## EXERCISE BRIEF
Given the material below, return only the lines starting at the line with "site_placement = place(None, origin())" and ending at the line with "# Shared definitions", exactly as they appear.

## RECORDS
• • • •

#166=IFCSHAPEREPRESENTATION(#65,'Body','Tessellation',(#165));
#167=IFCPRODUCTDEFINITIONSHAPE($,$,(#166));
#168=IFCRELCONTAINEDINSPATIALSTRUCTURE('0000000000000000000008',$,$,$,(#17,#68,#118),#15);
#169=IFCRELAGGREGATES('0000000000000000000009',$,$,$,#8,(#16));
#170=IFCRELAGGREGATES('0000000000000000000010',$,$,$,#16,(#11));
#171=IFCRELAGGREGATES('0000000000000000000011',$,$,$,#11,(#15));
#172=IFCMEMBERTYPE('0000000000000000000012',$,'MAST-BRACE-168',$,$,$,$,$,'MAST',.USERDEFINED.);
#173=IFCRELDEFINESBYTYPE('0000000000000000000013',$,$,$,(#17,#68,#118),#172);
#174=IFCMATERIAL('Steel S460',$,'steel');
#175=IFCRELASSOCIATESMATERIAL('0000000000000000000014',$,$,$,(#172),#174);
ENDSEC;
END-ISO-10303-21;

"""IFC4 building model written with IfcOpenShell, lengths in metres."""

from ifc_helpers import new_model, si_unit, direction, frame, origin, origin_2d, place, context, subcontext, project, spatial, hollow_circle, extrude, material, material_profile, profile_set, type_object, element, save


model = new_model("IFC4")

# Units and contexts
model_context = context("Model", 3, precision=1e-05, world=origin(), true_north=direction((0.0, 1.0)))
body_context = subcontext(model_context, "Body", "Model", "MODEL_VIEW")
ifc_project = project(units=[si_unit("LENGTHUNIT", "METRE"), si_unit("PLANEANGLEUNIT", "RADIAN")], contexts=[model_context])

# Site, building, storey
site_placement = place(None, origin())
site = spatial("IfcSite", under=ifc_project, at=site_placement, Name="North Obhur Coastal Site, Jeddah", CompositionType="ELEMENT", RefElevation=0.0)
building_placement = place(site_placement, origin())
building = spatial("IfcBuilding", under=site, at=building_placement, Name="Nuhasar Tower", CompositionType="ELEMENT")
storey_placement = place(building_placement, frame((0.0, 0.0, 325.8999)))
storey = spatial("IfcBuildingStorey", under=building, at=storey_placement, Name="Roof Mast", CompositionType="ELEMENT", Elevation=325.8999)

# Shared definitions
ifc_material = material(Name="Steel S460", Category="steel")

• • • •

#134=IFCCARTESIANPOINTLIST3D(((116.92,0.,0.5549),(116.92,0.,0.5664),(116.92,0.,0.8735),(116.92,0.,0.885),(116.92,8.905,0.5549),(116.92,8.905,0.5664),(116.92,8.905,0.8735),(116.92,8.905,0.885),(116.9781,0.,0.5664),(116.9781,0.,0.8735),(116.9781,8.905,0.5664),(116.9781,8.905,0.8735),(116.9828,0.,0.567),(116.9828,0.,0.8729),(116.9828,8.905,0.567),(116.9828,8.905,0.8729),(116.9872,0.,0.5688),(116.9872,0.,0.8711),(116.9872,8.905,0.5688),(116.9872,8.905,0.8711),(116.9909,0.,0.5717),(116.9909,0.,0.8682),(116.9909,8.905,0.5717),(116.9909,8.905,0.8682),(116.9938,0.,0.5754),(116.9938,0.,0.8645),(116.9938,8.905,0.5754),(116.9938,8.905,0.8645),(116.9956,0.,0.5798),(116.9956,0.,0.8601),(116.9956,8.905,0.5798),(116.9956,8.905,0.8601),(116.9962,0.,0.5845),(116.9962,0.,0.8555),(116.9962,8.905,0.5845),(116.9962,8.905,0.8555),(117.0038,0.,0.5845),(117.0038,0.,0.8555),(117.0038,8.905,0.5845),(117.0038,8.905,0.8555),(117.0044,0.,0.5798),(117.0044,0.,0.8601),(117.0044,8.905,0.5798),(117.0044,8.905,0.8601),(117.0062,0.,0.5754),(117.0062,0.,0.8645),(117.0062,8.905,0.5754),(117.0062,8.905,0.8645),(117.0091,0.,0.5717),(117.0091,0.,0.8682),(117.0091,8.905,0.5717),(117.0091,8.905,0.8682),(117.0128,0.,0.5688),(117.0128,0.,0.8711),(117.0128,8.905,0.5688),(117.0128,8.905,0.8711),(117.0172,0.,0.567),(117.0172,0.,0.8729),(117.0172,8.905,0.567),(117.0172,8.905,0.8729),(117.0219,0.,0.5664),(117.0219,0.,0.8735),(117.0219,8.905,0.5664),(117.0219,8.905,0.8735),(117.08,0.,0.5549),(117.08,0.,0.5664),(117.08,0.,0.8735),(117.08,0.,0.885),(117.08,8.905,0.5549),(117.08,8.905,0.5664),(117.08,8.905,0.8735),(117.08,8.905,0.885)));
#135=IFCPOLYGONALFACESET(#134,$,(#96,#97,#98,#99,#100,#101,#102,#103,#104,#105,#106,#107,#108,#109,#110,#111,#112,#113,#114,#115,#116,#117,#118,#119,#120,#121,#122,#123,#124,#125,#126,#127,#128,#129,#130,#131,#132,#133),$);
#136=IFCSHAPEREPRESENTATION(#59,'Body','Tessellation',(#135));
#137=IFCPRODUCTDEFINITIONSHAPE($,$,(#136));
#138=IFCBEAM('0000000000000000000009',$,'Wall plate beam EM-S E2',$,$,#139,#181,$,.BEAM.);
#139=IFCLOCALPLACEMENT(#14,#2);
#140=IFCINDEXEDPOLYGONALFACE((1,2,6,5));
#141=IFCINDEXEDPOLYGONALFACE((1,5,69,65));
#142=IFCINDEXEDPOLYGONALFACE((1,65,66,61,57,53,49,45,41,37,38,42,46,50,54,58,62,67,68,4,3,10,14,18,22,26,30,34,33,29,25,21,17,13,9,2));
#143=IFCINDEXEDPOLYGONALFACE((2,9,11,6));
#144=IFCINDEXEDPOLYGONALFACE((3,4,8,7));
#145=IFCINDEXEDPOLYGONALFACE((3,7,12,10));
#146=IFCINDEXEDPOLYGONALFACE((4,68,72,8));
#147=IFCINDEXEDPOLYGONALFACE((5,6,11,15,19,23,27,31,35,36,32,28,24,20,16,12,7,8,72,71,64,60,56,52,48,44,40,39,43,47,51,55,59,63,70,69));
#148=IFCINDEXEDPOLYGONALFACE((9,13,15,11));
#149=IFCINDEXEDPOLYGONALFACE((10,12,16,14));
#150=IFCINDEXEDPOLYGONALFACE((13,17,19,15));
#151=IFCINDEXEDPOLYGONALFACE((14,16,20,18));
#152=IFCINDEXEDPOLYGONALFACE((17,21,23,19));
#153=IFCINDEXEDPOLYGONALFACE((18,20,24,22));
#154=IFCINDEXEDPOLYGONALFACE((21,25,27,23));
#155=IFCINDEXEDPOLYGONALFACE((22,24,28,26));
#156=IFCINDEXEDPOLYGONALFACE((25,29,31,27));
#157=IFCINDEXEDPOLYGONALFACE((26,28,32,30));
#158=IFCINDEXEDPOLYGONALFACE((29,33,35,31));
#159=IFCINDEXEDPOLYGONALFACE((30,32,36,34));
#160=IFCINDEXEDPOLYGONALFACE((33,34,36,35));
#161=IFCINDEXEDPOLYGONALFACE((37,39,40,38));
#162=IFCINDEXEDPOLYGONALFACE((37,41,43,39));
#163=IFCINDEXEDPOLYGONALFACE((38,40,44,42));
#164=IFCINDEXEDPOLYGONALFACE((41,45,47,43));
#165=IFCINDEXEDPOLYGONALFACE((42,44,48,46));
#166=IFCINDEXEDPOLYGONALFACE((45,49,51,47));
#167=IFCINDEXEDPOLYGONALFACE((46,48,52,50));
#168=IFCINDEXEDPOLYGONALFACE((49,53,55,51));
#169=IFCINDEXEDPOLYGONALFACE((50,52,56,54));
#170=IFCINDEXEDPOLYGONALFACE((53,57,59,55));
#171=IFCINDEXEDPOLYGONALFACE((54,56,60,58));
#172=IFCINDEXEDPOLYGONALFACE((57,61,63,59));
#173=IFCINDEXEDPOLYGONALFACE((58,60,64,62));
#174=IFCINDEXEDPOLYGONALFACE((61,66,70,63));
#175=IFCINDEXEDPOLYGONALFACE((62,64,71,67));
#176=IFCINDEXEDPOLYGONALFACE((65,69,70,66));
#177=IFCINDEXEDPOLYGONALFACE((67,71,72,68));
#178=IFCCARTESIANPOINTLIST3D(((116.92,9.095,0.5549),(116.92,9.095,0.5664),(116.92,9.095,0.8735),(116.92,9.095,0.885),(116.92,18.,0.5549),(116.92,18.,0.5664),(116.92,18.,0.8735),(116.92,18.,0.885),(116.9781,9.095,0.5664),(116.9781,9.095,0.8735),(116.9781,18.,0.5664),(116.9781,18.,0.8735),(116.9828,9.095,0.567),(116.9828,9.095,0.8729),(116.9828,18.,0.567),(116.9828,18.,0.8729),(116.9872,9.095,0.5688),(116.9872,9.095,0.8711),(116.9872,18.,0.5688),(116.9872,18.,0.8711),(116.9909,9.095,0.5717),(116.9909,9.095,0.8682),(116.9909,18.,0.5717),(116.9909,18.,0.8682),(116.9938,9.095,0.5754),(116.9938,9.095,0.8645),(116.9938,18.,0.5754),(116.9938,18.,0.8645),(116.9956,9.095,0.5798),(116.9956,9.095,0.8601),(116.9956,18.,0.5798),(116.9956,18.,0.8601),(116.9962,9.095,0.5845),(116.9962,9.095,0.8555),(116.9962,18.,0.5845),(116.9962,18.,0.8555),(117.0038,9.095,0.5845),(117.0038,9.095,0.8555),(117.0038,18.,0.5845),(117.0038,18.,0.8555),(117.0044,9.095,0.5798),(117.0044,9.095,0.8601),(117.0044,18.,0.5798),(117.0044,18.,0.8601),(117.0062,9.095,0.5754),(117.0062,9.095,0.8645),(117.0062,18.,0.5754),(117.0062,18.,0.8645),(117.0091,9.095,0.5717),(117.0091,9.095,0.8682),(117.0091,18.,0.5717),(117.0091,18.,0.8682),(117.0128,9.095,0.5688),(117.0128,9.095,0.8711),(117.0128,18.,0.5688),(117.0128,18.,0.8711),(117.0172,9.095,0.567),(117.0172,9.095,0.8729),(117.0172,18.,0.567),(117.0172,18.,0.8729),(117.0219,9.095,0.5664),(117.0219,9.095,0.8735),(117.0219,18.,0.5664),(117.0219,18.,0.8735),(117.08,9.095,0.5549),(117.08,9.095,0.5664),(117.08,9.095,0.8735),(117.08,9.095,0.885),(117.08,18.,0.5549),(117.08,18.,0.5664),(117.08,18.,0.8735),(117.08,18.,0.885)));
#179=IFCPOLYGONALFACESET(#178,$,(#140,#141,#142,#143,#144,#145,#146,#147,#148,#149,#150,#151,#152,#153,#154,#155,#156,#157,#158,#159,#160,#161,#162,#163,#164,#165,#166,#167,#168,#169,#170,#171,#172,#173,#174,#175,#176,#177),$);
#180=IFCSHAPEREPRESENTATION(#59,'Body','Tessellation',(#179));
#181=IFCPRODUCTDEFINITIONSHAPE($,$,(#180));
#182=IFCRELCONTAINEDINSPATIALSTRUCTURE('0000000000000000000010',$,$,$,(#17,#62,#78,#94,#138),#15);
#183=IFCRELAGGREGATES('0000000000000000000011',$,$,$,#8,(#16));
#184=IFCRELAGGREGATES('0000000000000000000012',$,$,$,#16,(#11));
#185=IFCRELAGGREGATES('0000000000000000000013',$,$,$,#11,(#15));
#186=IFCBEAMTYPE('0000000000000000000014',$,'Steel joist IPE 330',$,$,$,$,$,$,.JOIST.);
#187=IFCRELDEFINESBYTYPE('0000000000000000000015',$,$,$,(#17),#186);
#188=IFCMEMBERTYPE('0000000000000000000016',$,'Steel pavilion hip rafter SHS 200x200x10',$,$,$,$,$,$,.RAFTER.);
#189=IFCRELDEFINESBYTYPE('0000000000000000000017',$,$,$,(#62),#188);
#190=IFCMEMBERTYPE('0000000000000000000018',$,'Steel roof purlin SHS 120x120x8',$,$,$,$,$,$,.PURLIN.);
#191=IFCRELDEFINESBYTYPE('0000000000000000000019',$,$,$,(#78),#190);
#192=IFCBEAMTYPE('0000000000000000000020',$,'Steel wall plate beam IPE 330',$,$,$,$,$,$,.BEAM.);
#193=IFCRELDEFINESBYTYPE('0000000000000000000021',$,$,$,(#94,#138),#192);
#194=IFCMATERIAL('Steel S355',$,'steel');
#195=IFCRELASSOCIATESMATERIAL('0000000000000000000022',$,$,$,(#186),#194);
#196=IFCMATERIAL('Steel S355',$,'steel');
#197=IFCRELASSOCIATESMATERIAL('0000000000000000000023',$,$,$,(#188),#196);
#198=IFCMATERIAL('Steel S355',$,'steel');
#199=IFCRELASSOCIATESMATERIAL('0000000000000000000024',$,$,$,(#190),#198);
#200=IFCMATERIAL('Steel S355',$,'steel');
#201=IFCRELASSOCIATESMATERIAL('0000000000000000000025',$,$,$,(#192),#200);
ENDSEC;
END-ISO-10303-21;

• • • •

## FINISHED TASK
site_placement = place(None, origin())
site = spatial("IfcSite", under=ifc_project, at=site_placement, Name="North Obhur Coastal Site, Jeddah", CompositionType="ELEMENT", RefElevation=0.0)
building_placement = place(site_placement, origin())
building = spatial("IfcBuilding", under=site, at=building_placement, Name="Nuhasar Tower", CompositionType="ELEMENT")
storey_placement = place(building_placement, frame((0.0, 0.0, 325.8999)))
storey = spatial("IfcBuildingStorey", under=building, at=storey_placement, Name="Roof Mast", CompositionType="ELEMENT", Elevation=325.8999)

# Shared definitions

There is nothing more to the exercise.